__Exercise goal__: From the listing below, return each line that includes "IFCLOCALPLACEMENT".

__Supplied information__:
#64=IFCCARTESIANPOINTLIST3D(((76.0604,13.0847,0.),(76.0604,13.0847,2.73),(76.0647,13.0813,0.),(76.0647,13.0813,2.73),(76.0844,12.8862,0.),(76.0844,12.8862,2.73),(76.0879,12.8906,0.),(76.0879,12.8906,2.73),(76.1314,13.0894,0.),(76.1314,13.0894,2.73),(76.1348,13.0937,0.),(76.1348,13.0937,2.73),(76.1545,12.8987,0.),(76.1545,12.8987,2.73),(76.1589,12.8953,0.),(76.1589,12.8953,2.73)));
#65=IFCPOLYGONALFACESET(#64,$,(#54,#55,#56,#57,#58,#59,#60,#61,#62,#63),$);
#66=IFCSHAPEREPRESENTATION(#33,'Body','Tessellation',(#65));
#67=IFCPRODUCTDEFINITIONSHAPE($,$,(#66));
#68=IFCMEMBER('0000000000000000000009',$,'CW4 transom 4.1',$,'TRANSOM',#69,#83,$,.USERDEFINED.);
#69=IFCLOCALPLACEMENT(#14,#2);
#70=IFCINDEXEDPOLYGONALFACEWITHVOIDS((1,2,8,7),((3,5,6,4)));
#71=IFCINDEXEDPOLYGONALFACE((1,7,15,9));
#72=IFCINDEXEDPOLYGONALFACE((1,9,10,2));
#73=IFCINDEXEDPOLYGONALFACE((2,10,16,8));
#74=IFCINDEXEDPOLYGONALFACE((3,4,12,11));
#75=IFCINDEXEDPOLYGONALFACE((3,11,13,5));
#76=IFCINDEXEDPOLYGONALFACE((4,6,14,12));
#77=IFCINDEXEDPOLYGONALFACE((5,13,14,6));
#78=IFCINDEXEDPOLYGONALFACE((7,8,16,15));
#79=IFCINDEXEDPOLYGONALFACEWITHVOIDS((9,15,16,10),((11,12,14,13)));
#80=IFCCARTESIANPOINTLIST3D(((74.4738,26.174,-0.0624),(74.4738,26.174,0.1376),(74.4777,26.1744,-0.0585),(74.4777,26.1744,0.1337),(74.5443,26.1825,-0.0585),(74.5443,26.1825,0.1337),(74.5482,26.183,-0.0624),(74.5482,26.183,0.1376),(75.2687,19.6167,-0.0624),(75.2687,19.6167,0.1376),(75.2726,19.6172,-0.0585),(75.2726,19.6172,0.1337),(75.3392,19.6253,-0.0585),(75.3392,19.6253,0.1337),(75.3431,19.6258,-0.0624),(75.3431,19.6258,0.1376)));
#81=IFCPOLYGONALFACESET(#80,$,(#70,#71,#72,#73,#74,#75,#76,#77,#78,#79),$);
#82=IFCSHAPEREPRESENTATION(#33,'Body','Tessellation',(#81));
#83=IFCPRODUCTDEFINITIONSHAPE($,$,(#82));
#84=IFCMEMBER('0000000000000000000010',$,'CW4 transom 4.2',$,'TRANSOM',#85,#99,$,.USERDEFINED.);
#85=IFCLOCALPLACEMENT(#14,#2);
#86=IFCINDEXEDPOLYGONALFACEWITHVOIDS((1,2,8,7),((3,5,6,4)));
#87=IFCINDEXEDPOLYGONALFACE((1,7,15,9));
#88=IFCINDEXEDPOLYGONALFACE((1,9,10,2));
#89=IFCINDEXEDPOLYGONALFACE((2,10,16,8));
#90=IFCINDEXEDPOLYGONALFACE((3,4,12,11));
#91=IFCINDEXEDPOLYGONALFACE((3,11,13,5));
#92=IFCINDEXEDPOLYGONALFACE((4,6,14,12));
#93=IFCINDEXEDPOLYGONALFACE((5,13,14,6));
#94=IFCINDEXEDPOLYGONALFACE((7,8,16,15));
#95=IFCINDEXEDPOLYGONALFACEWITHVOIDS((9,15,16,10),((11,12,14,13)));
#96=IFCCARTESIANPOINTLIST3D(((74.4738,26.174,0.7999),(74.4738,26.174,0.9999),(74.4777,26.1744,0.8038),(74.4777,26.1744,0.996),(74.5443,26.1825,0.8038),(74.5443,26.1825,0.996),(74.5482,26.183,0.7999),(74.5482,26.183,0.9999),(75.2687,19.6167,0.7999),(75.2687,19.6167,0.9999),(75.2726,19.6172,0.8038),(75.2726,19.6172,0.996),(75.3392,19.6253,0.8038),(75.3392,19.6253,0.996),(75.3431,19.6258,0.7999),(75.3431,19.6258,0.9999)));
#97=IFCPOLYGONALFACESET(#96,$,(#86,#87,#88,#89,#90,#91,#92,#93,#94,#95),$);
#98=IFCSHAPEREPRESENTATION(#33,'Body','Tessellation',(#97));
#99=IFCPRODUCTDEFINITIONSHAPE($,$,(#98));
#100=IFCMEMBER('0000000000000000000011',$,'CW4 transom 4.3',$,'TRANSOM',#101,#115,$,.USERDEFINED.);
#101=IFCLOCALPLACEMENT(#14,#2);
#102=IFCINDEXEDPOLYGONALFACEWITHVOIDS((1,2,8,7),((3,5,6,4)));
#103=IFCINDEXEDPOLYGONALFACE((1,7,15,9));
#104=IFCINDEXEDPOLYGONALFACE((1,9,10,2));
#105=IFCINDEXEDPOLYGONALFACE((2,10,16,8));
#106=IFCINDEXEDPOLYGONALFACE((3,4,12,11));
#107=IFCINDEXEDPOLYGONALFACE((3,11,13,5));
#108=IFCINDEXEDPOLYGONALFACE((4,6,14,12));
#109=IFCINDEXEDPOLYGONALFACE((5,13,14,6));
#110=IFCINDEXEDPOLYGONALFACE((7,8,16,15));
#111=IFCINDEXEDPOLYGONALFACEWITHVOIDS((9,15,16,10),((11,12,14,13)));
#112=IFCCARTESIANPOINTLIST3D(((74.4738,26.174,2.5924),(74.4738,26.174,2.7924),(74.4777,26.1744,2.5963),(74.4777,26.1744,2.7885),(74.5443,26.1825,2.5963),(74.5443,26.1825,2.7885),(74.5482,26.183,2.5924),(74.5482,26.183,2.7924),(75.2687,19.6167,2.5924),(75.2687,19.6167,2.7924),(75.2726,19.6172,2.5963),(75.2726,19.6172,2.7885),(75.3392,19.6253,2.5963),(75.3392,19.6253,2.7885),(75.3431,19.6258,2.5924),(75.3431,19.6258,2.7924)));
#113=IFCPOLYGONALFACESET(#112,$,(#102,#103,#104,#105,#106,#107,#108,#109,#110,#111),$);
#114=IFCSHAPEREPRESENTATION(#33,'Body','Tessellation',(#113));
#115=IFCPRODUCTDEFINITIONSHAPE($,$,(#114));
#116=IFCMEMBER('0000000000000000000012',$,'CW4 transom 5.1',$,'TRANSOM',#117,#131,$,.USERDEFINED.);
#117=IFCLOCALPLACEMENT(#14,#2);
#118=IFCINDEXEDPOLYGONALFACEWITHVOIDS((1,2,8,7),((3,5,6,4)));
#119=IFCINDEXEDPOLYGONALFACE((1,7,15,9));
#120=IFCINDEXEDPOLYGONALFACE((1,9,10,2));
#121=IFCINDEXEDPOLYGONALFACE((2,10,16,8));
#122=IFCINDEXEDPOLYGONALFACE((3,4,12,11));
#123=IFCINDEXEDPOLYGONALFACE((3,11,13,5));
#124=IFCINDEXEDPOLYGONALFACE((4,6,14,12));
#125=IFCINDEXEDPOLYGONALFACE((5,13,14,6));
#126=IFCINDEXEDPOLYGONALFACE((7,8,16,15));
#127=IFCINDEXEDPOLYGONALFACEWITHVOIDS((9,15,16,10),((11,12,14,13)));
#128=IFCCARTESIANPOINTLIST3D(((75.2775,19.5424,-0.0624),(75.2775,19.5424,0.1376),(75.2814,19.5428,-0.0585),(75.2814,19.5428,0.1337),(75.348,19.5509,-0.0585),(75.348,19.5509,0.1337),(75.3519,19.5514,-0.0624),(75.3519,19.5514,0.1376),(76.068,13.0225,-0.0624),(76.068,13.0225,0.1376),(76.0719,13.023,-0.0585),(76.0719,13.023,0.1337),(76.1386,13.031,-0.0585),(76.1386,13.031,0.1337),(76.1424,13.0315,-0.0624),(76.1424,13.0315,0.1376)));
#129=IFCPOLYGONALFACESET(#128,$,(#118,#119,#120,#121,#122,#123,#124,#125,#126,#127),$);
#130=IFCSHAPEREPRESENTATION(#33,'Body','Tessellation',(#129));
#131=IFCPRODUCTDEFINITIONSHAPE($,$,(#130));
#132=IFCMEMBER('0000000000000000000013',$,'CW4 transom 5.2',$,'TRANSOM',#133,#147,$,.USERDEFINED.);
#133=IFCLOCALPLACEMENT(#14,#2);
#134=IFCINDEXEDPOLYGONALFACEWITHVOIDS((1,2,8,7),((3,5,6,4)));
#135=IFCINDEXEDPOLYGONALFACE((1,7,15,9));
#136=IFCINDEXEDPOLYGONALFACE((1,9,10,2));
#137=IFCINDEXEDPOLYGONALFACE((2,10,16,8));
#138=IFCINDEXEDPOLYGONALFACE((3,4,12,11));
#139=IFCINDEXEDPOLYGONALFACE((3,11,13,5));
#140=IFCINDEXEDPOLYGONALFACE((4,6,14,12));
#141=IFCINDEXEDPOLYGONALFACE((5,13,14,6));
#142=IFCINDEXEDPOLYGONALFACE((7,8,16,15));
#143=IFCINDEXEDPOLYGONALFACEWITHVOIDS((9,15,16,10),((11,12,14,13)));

__Task result__:
#69=IFCLOCALPLACEMENT(#14,#2);
#85=IFCLOCALPLACEMENT(#14,#2);
#101=IFCLOCALPLACEMENT(#14,#2);
#117=IFCLOCALPLACEMENT(#14,#2);
#133=IFCLOCALPLACEMENT(#14,#2);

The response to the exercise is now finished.